▸ Assignment: Copy out the lines of the records below, and only those lines, from the one with "#127=IFCINDEXEDPOLYGONALFACE((11,12,16,15));" through the one with "#133=IFCINDEXEDPOLYGONALFACE((23,24,28,27));", exactly as they appear.

*** Supplied entries ***

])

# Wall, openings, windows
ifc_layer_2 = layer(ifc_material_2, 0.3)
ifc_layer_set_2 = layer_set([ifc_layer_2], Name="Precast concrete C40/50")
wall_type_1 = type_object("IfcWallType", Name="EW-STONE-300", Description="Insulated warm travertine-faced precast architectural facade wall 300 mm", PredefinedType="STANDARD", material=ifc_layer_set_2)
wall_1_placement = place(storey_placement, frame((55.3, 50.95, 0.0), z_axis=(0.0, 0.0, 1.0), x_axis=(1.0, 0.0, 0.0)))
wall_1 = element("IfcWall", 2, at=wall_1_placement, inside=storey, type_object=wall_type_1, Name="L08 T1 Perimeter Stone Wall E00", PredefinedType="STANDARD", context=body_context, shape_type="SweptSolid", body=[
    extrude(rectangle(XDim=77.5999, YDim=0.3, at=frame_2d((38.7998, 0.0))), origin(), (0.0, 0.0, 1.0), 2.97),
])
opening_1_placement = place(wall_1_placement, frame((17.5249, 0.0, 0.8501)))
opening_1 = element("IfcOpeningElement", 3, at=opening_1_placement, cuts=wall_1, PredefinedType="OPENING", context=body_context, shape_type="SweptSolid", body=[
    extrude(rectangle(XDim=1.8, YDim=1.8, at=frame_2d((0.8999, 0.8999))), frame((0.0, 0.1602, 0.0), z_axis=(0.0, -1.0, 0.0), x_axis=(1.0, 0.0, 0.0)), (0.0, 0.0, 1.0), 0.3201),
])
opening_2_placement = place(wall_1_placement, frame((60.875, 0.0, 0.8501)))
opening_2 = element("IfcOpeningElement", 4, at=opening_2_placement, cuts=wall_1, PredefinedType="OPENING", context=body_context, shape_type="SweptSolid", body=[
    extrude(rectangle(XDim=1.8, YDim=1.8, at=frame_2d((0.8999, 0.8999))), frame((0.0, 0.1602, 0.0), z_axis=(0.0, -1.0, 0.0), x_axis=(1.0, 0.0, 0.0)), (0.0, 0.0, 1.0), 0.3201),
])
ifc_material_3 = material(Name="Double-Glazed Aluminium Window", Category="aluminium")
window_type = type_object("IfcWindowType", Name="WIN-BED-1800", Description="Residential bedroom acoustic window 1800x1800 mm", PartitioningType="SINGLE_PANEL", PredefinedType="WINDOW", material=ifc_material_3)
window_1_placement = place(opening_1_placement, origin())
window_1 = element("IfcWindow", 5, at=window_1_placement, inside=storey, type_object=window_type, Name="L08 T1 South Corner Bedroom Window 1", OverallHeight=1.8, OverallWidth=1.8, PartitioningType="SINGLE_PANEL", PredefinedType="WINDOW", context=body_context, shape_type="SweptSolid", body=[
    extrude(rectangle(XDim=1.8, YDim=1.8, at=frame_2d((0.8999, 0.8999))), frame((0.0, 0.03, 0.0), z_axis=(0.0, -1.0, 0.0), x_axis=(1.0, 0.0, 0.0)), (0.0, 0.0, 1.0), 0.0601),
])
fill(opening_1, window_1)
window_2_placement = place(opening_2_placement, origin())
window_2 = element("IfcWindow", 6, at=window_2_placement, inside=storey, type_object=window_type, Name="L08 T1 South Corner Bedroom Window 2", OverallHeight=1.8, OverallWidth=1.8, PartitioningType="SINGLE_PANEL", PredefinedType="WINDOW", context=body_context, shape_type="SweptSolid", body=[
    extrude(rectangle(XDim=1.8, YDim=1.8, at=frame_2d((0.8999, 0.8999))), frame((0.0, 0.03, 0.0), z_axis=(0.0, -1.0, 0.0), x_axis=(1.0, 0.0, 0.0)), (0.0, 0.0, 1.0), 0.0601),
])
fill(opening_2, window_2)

*** End of Supplied entries ***
*** Supplied entries ***

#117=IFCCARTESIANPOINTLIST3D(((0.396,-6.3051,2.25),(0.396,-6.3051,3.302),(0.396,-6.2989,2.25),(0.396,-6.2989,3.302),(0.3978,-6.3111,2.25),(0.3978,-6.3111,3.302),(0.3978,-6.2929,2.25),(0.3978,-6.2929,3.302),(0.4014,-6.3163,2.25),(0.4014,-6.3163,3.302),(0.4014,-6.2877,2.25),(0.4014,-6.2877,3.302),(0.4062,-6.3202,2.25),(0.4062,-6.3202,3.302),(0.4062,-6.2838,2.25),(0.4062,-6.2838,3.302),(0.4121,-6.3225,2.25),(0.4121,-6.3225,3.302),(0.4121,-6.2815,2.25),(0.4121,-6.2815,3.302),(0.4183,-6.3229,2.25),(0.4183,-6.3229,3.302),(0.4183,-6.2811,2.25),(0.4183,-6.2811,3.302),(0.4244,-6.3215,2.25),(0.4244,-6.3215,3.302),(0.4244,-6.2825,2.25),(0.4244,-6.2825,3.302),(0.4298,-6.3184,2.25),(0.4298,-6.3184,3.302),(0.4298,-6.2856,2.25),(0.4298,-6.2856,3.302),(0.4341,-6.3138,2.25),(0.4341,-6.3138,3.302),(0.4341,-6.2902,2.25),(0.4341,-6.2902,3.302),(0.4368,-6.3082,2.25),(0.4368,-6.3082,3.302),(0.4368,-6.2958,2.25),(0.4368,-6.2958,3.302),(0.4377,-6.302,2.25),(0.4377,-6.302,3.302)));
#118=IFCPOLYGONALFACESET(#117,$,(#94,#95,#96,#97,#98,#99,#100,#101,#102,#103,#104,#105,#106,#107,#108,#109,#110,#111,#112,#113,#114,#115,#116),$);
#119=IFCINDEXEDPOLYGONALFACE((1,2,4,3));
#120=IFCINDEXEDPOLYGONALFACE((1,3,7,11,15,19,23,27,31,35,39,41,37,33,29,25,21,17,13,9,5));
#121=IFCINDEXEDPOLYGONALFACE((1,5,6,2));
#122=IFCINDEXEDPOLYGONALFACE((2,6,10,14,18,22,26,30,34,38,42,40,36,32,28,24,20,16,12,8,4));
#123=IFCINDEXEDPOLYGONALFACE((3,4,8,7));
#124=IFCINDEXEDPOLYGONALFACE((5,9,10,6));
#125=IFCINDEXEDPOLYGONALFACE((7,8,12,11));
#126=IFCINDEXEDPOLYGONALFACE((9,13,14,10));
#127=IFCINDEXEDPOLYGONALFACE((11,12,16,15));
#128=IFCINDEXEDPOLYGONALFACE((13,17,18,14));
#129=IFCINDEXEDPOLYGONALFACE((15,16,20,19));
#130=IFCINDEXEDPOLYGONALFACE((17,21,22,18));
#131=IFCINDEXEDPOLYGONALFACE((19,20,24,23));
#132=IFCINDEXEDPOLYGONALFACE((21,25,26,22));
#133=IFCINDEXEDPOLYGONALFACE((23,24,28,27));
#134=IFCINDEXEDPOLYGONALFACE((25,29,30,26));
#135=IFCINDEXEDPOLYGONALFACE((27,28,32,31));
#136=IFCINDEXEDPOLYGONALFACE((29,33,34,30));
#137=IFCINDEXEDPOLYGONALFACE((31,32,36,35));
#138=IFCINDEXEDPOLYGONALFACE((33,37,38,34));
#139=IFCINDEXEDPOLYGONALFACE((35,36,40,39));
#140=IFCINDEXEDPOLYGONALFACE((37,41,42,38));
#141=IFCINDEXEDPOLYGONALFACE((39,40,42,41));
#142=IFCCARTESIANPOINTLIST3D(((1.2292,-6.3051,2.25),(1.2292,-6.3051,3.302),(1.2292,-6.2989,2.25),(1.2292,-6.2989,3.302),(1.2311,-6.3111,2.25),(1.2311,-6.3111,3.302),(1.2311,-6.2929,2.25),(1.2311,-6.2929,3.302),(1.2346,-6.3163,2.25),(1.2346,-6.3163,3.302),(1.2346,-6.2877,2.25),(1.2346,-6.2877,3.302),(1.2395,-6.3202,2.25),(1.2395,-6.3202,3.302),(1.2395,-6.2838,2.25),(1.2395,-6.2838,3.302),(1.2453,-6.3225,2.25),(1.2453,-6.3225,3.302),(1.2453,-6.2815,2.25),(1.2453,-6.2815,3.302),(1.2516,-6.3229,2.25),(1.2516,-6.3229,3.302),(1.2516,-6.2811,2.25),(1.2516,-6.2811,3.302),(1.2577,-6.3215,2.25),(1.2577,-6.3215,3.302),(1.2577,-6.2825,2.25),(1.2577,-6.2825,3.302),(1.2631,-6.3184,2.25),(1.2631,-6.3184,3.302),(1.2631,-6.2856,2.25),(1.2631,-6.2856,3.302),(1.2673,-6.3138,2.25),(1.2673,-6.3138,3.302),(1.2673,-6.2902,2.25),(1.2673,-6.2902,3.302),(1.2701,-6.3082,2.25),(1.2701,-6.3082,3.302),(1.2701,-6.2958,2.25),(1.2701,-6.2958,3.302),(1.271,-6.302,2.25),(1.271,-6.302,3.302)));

*** End of Supplied entries ***

▸ Result of the exercise:
#127=IFCINDEXEDPOLYGONALFACE((11,12,16,15));
#128=IFCINDEXEDPOLYGONALFACE((13,17,18,14));
#129=IFCINDEXEDPOLYGONALFACE((15,16,20,19));
#130=IFCINDEXEDPOLYGONALFACE((17,21,22,18));
#131=IFCINDEXEDPOLYGONALFACE((19,20,24,23));
#132=IFCINDEXEDPOLYGONALFACE((21,25,26,22));
#133=IFCINDEXEDPOLYGONALFACE((23,24,28,27));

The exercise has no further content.